##### Data

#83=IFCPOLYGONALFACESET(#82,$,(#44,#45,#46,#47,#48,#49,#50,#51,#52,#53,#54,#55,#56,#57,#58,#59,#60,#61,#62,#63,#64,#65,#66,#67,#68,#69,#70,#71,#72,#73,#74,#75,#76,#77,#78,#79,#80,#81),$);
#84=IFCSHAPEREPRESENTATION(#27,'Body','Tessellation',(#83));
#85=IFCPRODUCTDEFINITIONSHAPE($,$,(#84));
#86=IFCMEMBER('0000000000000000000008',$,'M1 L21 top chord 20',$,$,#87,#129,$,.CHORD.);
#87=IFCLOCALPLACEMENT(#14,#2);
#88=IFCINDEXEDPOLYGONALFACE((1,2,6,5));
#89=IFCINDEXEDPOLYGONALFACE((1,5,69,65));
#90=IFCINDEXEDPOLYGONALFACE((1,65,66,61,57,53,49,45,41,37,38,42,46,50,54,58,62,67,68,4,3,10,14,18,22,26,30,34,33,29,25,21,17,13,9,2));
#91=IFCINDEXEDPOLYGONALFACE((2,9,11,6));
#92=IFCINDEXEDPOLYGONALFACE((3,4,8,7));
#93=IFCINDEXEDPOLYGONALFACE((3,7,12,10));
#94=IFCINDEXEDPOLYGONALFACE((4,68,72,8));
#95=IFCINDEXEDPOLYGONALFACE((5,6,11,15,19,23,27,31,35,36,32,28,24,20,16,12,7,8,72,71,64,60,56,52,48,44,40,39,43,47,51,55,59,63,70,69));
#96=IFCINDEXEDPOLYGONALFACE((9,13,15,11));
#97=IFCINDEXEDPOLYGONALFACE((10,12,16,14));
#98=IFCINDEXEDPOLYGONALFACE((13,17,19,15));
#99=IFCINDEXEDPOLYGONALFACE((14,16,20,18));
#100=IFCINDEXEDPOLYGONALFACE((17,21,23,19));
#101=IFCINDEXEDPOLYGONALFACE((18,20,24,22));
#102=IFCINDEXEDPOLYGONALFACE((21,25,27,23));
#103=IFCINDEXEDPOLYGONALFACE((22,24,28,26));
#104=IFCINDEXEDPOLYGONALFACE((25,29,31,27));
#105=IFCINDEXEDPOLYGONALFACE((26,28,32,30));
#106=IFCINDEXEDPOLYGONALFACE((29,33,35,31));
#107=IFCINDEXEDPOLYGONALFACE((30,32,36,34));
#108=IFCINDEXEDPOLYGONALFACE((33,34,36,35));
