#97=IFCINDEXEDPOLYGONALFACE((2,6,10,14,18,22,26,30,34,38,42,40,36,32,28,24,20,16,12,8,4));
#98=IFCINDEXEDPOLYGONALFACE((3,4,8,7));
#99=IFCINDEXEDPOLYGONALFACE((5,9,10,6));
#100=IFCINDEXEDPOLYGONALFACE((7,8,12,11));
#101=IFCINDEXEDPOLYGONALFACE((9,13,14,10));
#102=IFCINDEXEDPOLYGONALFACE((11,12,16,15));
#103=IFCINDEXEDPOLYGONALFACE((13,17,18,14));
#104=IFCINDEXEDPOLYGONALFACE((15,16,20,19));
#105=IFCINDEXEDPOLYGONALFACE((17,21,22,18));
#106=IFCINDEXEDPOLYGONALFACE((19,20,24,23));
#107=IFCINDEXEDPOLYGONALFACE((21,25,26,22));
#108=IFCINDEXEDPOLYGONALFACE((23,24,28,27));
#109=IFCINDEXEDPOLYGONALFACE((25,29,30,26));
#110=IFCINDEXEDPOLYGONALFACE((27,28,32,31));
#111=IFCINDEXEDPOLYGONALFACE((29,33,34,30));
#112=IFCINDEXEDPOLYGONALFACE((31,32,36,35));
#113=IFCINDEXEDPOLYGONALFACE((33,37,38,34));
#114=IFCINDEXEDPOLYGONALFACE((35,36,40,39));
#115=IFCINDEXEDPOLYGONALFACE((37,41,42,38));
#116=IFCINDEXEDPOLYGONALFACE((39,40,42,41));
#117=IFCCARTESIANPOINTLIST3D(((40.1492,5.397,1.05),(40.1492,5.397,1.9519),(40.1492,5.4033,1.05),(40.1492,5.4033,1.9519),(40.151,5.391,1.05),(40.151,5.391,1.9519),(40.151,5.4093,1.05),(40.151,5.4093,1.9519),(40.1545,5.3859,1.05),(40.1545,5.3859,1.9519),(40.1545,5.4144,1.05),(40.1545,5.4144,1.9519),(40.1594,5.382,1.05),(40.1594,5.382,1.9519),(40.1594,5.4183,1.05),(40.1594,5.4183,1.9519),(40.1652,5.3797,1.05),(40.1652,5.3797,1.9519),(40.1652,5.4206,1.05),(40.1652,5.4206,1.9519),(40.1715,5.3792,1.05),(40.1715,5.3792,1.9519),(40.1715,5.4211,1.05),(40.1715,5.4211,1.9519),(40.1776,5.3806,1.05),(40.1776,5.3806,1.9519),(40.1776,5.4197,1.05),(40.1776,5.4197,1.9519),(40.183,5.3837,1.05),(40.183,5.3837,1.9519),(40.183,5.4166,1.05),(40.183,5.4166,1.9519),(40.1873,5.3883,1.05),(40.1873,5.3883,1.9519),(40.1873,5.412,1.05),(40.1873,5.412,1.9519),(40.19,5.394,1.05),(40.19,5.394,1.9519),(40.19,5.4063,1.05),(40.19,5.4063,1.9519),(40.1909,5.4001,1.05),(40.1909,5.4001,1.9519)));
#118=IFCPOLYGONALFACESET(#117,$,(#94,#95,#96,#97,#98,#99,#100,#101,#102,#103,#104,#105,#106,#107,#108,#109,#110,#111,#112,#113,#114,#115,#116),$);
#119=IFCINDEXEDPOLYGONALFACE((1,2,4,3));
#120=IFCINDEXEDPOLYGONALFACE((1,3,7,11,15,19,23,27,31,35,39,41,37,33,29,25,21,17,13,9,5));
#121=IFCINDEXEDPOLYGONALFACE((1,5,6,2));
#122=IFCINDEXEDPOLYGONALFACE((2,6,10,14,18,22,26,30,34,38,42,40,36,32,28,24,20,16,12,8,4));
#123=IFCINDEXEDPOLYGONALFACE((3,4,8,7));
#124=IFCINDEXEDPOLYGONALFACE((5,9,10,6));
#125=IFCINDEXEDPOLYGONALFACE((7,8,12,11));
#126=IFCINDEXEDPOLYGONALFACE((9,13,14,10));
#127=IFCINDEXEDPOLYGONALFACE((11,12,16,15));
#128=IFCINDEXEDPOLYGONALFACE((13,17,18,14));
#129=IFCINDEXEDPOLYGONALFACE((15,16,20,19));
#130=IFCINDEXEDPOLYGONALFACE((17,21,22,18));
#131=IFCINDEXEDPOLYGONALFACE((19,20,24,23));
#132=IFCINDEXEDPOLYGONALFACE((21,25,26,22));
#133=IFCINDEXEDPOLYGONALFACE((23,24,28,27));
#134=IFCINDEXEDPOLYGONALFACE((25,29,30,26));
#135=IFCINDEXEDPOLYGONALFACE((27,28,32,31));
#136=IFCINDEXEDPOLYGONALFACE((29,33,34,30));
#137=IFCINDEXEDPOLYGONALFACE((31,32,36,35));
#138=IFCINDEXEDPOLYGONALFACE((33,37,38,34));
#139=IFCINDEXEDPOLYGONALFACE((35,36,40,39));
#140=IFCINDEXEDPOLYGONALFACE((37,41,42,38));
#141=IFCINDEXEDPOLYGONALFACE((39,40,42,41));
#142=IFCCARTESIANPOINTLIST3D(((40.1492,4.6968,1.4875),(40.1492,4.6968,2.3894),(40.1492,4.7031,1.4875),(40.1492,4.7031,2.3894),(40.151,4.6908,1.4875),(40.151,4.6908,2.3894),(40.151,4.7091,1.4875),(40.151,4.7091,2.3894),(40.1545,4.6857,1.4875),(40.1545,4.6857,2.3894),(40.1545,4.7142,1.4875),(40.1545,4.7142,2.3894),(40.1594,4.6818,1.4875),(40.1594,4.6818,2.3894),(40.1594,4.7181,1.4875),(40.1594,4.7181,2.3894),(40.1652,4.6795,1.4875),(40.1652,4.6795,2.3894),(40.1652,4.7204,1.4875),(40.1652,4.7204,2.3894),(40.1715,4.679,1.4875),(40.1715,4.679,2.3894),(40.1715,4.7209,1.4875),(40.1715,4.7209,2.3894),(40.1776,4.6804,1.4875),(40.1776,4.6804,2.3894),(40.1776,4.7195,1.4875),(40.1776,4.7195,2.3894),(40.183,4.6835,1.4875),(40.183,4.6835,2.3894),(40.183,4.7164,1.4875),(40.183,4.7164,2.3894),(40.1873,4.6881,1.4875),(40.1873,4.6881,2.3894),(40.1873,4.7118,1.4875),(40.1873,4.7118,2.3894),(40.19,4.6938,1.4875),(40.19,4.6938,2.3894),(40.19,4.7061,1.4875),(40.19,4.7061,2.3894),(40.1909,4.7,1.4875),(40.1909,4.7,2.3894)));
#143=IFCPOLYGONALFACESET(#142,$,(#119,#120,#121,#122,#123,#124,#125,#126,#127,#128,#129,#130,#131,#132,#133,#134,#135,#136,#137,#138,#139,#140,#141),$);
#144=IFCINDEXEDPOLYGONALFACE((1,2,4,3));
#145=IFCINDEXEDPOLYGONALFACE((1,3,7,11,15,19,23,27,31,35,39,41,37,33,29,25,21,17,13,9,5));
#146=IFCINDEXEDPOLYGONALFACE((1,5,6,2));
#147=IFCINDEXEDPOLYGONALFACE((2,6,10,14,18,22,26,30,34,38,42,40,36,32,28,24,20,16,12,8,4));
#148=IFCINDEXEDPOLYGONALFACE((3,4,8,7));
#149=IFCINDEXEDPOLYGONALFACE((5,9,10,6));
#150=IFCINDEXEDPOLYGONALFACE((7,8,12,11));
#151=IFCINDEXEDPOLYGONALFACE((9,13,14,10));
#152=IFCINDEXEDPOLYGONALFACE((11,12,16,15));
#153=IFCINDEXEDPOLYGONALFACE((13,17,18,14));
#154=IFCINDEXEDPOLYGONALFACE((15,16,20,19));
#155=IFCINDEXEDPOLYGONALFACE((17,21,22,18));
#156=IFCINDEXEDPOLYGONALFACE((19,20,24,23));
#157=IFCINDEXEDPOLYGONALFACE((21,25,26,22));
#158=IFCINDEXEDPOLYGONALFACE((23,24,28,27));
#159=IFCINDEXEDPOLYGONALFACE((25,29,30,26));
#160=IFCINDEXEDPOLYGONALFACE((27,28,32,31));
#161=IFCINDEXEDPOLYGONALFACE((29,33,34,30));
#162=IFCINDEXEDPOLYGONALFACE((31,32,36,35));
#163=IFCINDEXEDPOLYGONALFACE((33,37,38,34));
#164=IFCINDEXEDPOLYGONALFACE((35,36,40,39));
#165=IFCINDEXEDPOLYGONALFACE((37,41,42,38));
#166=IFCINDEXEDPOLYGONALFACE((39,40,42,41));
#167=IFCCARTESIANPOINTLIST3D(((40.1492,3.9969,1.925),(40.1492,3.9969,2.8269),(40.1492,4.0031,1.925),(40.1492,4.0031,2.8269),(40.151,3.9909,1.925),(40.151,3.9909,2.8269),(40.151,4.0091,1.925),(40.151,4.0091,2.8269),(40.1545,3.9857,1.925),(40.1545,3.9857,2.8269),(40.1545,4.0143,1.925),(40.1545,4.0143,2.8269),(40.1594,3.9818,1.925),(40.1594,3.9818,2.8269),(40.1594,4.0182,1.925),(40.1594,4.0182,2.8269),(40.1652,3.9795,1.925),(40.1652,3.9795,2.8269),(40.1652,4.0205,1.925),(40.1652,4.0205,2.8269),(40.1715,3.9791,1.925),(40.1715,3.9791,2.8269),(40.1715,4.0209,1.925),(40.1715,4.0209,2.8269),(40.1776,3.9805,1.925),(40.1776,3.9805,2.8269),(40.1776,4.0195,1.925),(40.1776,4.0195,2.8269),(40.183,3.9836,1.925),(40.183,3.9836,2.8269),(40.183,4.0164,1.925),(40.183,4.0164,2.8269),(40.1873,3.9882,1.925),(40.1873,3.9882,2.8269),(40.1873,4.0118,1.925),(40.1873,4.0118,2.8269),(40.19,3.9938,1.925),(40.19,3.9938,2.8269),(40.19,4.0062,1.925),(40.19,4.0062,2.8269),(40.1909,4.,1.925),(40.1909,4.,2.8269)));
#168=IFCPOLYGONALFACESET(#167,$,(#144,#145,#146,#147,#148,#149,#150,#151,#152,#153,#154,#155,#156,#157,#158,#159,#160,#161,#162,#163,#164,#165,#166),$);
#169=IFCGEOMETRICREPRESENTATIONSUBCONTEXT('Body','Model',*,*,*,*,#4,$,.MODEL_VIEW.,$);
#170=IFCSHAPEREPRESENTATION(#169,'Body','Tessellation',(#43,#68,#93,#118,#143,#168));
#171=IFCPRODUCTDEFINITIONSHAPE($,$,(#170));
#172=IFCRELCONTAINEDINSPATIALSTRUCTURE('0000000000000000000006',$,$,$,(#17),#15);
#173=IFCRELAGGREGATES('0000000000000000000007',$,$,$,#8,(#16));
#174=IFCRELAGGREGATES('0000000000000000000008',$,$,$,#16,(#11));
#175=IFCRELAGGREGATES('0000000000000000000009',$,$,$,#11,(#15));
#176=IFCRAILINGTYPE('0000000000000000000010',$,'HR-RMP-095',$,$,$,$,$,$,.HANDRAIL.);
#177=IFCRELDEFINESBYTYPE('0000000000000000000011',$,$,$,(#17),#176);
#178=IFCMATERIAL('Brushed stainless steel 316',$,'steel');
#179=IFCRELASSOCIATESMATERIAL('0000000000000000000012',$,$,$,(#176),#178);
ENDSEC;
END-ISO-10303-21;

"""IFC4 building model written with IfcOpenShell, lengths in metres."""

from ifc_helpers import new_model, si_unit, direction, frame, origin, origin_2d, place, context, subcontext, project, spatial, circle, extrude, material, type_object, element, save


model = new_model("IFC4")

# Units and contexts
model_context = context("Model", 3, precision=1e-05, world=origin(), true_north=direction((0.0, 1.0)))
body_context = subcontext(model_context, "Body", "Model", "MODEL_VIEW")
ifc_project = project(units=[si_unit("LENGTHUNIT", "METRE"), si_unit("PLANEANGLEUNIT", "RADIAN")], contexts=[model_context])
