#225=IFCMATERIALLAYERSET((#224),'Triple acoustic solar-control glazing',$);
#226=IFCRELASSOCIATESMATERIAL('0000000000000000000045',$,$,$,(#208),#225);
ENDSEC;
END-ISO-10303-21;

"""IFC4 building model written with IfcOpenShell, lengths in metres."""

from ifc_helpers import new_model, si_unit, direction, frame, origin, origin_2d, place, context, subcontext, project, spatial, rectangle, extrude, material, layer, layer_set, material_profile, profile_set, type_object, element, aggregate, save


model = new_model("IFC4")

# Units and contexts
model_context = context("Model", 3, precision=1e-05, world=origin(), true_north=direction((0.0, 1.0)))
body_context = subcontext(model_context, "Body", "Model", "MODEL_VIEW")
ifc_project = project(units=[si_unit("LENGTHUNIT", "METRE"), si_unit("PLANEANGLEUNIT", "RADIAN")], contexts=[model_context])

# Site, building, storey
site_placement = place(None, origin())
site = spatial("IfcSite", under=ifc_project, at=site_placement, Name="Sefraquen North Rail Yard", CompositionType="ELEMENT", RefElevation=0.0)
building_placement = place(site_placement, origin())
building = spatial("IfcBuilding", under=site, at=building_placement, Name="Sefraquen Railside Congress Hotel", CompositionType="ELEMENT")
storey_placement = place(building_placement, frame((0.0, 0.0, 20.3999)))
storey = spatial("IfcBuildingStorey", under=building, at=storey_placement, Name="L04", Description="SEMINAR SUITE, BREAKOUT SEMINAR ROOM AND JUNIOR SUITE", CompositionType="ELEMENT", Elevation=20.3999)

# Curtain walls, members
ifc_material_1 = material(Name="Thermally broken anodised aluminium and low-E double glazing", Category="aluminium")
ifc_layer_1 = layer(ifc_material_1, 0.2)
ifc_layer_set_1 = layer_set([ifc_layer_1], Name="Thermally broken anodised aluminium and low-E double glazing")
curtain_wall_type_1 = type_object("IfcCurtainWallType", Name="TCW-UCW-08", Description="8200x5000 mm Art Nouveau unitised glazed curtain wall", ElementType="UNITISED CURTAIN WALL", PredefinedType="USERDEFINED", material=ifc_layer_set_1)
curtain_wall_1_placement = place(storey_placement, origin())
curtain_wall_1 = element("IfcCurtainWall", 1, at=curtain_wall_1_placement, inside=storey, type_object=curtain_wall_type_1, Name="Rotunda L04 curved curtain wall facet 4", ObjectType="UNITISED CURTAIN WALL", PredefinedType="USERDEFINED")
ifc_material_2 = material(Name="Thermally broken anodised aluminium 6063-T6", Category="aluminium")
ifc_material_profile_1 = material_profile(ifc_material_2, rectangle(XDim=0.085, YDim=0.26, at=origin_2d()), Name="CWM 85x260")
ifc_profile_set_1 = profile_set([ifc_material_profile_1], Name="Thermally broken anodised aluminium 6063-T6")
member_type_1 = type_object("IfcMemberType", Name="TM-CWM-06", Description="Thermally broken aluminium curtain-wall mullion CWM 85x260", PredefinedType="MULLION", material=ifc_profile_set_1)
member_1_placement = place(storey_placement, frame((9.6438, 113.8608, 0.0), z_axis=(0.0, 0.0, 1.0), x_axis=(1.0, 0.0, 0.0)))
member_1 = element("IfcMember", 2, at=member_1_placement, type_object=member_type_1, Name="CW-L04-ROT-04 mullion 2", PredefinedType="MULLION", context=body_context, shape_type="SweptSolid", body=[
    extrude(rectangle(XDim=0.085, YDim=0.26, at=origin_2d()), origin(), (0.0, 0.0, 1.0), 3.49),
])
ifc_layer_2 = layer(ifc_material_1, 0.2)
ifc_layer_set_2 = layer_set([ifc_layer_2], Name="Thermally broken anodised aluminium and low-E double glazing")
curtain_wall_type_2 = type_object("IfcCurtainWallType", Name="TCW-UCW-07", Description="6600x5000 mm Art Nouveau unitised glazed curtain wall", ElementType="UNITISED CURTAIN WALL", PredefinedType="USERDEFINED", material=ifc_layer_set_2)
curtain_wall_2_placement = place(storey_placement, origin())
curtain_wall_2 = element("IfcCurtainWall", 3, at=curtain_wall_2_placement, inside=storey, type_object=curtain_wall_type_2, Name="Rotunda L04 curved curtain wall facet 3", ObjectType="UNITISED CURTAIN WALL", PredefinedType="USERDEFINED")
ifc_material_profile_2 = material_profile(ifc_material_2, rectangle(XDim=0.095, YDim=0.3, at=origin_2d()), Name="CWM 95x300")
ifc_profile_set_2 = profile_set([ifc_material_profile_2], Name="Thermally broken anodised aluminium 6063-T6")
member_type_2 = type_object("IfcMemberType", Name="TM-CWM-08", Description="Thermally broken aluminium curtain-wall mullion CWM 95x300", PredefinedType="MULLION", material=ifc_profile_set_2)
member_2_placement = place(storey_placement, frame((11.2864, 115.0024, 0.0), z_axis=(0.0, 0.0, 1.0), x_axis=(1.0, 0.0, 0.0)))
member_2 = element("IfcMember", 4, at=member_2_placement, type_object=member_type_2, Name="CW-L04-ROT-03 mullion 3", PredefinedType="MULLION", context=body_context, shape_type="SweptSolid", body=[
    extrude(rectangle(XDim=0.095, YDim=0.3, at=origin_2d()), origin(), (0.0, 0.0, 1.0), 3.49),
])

##########

Take the lines above from the one containing "#91=IFCINDEXEDPOLYGONALFACE((2,9,11,6));" down to the one containing "#96=IFCINDEXEDPOLYGONALFACE((9,13,15,11));", and transcribe them exactly, both ends included.

> **Exercise output**
#91=IFCINDEXEDPOLYGONALFACE((2,9,11,6));
#92=IFCINDEXEDPOLYGONALFACE((3,4,8,7));
#93=IFCINDEXEDPOLYGONALFACE((3,7,12,10));
#94=IFCINDEXEDPOLYGONALFACE((4,68,72,8));
#95=IFCINDEXEDPOLYGONALFACE((5,6,11,15,19,23,27,31,35,36,32,28,24,20,16,12,7,8,72,71,64,60,56,52,48,44,40,39,43,47,51,55,59,63,70,69));
#96=IFCINDEXEDPOLYGONALFACE((9,13,15,11));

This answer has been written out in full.